Exercise
Up through the line that contains "#113=IFCINDEXEDPOLYGONALFACE((5,7,8,6));", retype the entries exactly, beginning at the very first line.
::::::
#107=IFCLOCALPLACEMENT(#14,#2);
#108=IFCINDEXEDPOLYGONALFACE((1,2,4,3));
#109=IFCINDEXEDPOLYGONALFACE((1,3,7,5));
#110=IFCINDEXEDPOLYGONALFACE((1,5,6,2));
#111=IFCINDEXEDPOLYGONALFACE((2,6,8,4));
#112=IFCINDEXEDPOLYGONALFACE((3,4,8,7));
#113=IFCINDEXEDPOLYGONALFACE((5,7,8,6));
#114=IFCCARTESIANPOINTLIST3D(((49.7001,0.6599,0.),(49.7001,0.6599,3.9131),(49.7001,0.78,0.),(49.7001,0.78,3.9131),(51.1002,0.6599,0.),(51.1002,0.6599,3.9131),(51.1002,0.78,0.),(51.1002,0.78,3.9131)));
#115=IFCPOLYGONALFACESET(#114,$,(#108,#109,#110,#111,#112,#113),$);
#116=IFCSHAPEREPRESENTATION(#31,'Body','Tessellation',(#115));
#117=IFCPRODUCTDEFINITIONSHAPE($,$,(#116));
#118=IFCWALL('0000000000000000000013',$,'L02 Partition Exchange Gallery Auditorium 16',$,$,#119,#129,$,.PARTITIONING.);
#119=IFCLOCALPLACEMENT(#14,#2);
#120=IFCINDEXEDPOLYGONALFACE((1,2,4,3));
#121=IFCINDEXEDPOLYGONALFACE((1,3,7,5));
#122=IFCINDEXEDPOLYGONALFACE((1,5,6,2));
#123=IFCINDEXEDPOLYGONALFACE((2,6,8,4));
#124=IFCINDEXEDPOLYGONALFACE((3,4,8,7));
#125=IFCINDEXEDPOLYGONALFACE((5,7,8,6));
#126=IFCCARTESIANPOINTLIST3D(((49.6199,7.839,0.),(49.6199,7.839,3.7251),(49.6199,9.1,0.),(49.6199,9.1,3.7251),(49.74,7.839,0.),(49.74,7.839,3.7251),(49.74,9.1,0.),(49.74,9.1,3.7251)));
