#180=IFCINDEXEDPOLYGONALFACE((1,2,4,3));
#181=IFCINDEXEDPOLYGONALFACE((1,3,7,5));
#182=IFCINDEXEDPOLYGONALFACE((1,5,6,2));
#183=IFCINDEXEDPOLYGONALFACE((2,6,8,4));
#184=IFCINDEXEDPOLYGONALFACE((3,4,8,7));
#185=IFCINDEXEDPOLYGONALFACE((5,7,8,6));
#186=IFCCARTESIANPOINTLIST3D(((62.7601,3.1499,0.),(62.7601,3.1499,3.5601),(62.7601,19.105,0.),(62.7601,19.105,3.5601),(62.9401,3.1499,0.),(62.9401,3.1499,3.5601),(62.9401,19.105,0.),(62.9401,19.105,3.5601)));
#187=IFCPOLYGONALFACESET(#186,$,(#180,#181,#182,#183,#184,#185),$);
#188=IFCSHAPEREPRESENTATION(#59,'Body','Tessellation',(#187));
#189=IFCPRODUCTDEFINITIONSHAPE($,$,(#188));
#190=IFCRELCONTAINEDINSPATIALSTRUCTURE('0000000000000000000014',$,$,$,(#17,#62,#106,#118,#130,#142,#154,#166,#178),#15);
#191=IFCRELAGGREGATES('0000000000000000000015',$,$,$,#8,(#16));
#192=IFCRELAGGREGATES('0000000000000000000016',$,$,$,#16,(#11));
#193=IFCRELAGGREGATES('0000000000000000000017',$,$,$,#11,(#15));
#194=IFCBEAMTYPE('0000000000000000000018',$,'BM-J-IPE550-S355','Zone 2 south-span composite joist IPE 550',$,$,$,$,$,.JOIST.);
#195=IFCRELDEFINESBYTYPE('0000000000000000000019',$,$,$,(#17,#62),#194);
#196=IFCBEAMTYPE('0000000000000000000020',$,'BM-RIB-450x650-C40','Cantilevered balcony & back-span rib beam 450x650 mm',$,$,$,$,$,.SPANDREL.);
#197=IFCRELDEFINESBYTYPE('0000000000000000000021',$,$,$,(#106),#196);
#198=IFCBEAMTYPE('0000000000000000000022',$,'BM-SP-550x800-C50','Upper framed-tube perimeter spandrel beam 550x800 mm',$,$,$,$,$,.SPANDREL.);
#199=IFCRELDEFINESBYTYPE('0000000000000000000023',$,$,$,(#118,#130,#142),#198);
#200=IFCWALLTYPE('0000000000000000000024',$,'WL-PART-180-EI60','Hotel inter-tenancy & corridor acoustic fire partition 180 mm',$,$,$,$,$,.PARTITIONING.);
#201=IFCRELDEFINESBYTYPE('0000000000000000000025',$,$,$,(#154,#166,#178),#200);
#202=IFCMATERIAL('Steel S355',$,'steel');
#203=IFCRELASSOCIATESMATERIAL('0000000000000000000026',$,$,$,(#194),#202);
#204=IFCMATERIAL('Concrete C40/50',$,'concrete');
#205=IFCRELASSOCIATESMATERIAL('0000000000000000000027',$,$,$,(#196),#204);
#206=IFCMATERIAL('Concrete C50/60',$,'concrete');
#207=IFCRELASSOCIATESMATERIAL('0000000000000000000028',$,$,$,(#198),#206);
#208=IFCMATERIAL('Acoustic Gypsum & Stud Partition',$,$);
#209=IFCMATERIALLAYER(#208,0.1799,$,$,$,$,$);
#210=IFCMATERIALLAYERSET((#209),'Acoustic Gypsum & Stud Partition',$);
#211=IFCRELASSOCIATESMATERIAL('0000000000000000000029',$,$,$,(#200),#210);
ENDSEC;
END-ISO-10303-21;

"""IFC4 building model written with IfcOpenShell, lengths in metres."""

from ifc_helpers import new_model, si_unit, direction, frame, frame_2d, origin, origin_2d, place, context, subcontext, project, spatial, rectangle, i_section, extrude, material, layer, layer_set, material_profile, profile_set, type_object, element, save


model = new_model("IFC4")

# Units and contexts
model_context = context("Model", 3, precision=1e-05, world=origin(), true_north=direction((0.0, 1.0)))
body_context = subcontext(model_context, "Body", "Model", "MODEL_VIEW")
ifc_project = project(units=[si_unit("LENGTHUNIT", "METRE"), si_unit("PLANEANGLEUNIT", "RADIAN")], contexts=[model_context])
::::::
Written solution
#107=IFCLOCALPLACEMENT(#14,#2);
#108=IFCINDEXEDPOLYGONALFACE((1,2,4,3));
#109=IFCINDEXEDPOLYGONALFACE((1,3,7,5));
#110=IFCINDEXEDPOLYGONALFACE((1,5,6,2));
#111=IFCINDEXEDPOLYGONALFACE((2,6,8,4));
#112=IFCINDEXEDPOLYGONALFACE((3,4,8,7));
#113=IFCINDEXEDPOLYGONALFACE((5,7,8,6));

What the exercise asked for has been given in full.